Exercise objective: Of all the lines in the entries below, give again exactly those starting at the line containing "#37=IFCINDEXEDPOLYGONALFACE((1,3,4,2));" and ending at the line containing "#41=IFCINDEXEDPOLYGONALFACE((5,6,8,7));", both ends included, and no others.

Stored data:
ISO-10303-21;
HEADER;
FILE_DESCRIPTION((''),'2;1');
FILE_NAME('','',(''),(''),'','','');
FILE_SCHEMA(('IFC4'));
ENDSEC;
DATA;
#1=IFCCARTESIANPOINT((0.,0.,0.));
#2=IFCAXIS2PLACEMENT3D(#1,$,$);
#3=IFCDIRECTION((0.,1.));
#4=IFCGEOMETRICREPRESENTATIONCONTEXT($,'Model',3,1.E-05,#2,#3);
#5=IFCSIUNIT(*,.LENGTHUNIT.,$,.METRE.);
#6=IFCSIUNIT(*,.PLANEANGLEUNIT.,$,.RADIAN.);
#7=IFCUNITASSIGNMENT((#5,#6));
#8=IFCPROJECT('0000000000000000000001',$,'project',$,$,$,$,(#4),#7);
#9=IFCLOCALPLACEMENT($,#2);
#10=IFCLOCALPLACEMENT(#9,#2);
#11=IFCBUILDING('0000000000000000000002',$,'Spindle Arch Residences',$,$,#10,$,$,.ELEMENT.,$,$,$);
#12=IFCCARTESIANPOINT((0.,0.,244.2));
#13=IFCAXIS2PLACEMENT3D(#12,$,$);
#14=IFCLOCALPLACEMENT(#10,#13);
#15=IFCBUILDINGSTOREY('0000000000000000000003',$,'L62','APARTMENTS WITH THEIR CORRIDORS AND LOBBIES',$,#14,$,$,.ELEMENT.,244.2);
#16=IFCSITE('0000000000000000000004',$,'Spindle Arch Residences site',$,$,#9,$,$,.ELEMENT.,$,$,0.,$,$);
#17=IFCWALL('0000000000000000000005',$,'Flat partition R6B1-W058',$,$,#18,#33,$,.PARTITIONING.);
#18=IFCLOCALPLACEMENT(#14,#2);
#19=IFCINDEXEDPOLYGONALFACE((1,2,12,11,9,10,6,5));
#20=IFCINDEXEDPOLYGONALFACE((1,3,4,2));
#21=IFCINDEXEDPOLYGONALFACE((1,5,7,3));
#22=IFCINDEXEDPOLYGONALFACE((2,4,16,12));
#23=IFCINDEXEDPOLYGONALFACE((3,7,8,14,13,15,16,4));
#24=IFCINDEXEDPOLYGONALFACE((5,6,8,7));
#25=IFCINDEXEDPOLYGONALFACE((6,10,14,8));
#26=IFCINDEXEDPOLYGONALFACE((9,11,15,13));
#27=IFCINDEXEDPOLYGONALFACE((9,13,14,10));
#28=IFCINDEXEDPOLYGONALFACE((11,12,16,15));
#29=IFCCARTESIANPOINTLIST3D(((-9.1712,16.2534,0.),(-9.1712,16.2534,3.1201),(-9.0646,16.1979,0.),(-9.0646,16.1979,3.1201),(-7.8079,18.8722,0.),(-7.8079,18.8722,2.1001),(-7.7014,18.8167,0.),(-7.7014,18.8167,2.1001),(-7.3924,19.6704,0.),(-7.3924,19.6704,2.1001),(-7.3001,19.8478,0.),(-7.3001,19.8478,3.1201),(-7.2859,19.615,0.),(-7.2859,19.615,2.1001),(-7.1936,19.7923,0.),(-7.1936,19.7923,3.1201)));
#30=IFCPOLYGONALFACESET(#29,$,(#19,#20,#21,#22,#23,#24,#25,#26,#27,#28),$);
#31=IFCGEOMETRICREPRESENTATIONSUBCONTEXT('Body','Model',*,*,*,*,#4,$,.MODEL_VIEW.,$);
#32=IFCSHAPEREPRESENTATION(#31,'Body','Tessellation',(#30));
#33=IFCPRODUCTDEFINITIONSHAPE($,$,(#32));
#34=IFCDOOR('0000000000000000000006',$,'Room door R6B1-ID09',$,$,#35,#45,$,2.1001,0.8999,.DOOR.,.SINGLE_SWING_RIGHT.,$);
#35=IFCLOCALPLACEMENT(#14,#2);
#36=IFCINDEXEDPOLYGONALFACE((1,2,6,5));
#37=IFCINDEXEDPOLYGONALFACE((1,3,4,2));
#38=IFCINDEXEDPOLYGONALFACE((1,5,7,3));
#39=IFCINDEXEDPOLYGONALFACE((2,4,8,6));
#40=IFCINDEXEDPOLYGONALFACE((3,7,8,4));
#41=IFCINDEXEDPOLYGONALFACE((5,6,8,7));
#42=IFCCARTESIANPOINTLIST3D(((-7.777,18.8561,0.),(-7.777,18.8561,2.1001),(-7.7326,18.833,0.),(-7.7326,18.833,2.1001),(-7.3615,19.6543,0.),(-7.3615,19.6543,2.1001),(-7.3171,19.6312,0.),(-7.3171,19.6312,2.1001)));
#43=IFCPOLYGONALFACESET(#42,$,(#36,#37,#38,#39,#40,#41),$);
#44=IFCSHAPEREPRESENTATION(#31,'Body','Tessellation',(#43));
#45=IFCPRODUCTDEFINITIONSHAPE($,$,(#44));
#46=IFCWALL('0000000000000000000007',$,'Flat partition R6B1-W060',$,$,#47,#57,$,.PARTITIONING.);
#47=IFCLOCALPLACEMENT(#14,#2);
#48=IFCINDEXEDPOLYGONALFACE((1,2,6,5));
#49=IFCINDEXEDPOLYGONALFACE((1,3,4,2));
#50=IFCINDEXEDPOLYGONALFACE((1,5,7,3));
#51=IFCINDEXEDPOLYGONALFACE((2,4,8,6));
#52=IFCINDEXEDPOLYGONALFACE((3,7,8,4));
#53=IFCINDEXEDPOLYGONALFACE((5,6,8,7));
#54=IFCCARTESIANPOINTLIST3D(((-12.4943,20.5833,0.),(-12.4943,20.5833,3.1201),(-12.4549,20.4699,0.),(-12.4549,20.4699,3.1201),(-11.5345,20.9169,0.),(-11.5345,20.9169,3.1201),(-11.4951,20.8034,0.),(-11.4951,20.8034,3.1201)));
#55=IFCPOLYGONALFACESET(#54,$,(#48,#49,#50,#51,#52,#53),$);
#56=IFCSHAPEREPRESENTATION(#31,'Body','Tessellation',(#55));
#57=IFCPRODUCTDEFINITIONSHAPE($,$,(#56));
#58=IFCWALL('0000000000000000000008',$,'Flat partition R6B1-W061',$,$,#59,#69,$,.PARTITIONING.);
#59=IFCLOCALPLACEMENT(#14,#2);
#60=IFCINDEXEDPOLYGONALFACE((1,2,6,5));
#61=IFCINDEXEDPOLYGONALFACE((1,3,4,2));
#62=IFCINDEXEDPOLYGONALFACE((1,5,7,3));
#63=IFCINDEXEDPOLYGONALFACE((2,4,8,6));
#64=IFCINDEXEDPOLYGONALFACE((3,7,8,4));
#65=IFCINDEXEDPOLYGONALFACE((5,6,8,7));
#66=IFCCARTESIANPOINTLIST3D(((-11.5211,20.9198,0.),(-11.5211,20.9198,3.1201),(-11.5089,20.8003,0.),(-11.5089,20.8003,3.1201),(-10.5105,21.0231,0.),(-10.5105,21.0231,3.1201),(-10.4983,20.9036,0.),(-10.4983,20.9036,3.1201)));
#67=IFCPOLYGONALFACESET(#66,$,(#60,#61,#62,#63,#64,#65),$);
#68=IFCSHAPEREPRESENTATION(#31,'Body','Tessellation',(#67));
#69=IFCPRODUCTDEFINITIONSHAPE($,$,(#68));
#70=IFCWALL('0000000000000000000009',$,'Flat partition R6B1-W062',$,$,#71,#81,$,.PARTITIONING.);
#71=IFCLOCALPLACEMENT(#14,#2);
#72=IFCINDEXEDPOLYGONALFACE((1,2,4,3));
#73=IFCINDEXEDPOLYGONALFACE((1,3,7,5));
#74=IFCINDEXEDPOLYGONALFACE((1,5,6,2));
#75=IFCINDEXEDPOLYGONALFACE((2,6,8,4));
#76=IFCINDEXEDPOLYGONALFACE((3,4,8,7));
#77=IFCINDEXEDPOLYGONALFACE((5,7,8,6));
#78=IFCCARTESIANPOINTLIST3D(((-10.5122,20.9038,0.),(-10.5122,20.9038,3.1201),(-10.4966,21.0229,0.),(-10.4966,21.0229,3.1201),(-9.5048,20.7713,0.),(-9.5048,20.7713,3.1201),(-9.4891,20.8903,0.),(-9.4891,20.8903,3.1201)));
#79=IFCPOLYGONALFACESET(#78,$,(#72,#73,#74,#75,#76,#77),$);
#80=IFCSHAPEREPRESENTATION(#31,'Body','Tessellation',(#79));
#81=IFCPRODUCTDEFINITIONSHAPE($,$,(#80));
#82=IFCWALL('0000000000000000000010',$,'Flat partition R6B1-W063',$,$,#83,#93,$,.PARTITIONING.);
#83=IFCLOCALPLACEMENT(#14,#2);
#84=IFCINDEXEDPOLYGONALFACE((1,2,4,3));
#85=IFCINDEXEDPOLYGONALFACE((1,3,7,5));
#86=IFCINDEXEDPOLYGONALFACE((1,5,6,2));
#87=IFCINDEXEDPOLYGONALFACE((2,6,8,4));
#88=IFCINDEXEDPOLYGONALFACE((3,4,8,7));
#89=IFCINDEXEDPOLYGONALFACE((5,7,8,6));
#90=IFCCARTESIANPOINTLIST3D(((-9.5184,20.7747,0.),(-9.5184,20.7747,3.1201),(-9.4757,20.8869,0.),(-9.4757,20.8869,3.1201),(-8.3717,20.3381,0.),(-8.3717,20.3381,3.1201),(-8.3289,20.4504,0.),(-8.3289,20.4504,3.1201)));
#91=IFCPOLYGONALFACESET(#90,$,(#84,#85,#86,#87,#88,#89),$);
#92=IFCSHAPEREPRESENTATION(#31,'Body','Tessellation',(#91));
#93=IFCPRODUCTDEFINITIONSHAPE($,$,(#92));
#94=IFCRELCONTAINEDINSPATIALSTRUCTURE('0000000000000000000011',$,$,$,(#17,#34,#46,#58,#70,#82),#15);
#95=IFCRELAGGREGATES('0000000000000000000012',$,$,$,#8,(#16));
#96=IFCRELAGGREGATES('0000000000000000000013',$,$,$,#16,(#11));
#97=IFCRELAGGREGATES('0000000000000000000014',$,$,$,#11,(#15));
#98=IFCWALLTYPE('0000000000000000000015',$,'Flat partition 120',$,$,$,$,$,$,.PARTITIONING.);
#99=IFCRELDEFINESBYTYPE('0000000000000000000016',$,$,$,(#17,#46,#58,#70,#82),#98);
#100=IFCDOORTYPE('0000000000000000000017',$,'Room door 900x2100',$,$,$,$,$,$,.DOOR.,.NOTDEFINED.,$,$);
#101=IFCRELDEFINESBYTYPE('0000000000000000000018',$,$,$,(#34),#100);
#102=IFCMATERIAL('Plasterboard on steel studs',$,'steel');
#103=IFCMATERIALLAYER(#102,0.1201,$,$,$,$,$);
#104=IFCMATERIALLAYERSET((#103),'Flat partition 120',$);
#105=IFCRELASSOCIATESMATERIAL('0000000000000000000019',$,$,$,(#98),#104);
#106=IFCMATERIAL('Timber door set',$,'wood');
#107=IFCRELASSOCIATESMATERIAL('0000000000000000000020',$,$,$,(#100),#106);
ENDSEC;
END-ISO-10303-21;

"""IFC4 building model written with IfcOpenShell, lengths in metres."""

from ifc_helpers import new_model, si_unit, direction, frame, frame_2d, origin, place, context, subcontext, project, spatial, rectangle, extrude, material, layer, layer_set, type_object, element, fill, save


model = new_model("IFC4")

# Units and contexts
model_context = context("Model", 3, precision=1e-05, world=origin(), true_north=direction((0.0, 1.0)))
body_context = subcontext(model_context, "Body", "Model", "MODEL_VIEW")
ifc_project = project(units=[si_unit("LENGTHUNIT", "METRE"), si_unit("PLANEANGLEUNIT", "RADIAN")], contexts=[model_context])

# Site, building, storey
site_placement = place(None, origin())
site = spatial("IfcSite", under=ifc_project, at=site_placement, Name="Spindle Arch Residences site", CompositionType="ELEMENT", RefElevation=0.0)
building_placement = place(site_placement, origin())
building = spatial("IfcBuilding", under=site, at=building_placement, Name="Spindle Arch Residences", CompositionType="ELEMENT")
storey_placement = place(building_placement, frame((0.0, 0.0, 244.2)))
storey = spatial("IfcBuildingStorey", under=building, at=storey_placement, Name="L62", Description="APARTMENTS WITH THEIR CORRIDORS AND LOBBIES", CompositionType="ELEMENT", Elevation=244.2)

# Shared definitions
ifc_material_1 = material(Name="Plasterboard on steel studs", Category="steel")
ifc_layer_1 = layer(ifc_material_1, 0.1201)
ifc_layer_set_1 = layer_set([ifc_layer_1], Name="Flat partition 120")
wall_type = type_object("IfcWallType", Name="Flat partition 120", PredefinedType="PARTITIONING", material=ifc_layer_set_1)
ifc_material_2 = material(Name="Timber door set", Category="wood")
door_type = type_object("IfcDoorType", Name="Room door 900x2100", OperationType="NOTDEFINED", PredefinedType="DOOR", material=ifc_material_2)

# Wall, opening, door
wall_1_placement = place(storey_placement, frame((-7.2468, 19.8201, 0.0), z_axis=(0.0, 0.0, 1.0), x_axis=(-0.461734, -0.887018, 0.0)))
wall_1 = element("IfcWall", 1, at=wall_1_placement, inside=storey, type_object=wall_type, Name="Flat partition R6B1-W058", PredefinedType="PARTITIONING", context=body_context, shape_type="SweptSolid", body=[
    extrude(rectangle(XDim=4.0522, YDim=0.1201, at=frame_2d((2.0261, 0.0))), origin(), (0.0, 0.0, 1.0), 3.1201),
])
opening_1_placement = place(wall_1_placement, frame((0.2, 0.0, 0.0)))
opening_1 = element("IfcOpeningElement", 2, at=opening_1_placement, cuts=wall_1, PredefinedType="OPENING", context=body_context, shape_type="SweptSolid", body=[
    extrude(rectangle(XDim=0.8999, YDim=2.1001, at=frame_2d((0.45, 1.05))), frame((0.0, 0.0701, 0.0), z_axis=(0.0, -1.0, 0.0), x_axis=(1.0, 0.0, 0.0)), (0.0, 0.0, 1.0), 0.1401),
])
door_1_placement = place(opening_1_placement, origin())
door_1 = element("IfcDoor", 3, at=door_1_placement, inside=storey, type_object=door_type, Name="Room door R6B1-ID09", OperationType="SINGLE_SWING_RIGHT", OverallHeight=2.1001, OverallWidth=0.8999, PredefinedType="DOOR", context=body_context, shape_type="SweptSolid", body=[
    extrude(rectangle(XDim=0.8999, YDim=2.1001, at=frame_2d((0.45, 1.05))), frame((0.0, 0.0249, 0.0), z_axis=(0.0, -1.0, 0.0), x_axis=(1.0, 0.0, 0.0)), (0.0, 0.0, 1.0), 0.05),
])
fill(opening_1, door_1)

# Walls
wall_2_placement = place(storey_placement, frame((-12.4746, 20.5266, 0.0), z_axis=(0.0, 0.0, 1.0), x_axis=(0.944594, 0.328241, 0.0)))
element("IfcWall", 4, at=wall_2_placement, inside=storey, type_object=wall_type, Name="Flat partition R6B1-W060", PredefinedType="PARTITIONING", context=body_context, shape_type="SweptSolid", body=[
    extrude(rectangle(XDim=1.0161, YDim=0.1201, at=frame_2d((0.5081, 0.0))), origin(), (0.0, 0.0, 1.0), 3.1201),
])
wall_3_placement = place(storey_placement, frame((-11.5149, 20.8601, 0.0), z_axis=(0.0, 0.0, 1.0), x_axis=(0.994818, 0.101669, 0.0)))
element("IfcWall", 5, at=wall_3_placement, inside=storey, type_object=wall_type, Name="Flat partition R6B1-W061", PredefinedType="PARTITIONING", context=body_context, shape_type="SweptSolid", body=[
    extrude(rectangle(XDim=1.0159, YDim=0.1201, at=frame_2d((0.5078, 0.0))), origin(), (0.0, 0.0, 1.0), 3.1201),
])
wall_4_placement = place(storey_placement, frame((-10.5044, 20.9634, 0.0), z_axis=(0.0, 0.0, 1.0), x_axis=(0.991451, -0.130479, 0.0)))
element("IfcWall", 6, at=wall_4_placement, inside=storey, type_object=wall_type, Name="Flat partition R6B1-W062", PredefinedType="PARTITIONING", context=body_context, shape_type="SweptSolid", body=[
    extrude(rectangle(XDim=1.0161, YDim=0.1201, at=frame_2d((0.5081, 0.0))), origin(), (0.0, 0.0, 1.0), 3.1201),
])
wall_5_placement = place(storey_placement, frame((-9.4971, 20.8308, 0.0), z_axis=(0.0, 0.0, 1.0), x_axis=(0.934576, -0.355764, 0.0)))
element("IfcWall", 7, at=wall_5_placement, inside=storey, type_object=wall_type, Name="Flat partition R6B1-W063", PredefinedType="PARTITIONING", context=body_context, shape_type="SweptSolid", body=[
    extrude(rectangle(XDim=1.2271, YDim=0.1201, at=frame_2d((0.6135, 0.0))), origin(), (0.0, 0.0, 1.0), 3.1201),
])

save(model, "model.ifc")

Result for this exercise:
#37=IFCINDEXEDPOLYGONALFACE((1,3,4,2));
#38=IFCINDEXEDPOLYGONALFACE((1,5,7,3));
#39=IFCINDEXEDPOLYGONALFACE((2,4,8,6));
#40=IFCINDEXEDPOLYGONALFACE((3,7,8,4));
#41=IFCINDEXEDPOLYGONALFACE((5,6,8,7));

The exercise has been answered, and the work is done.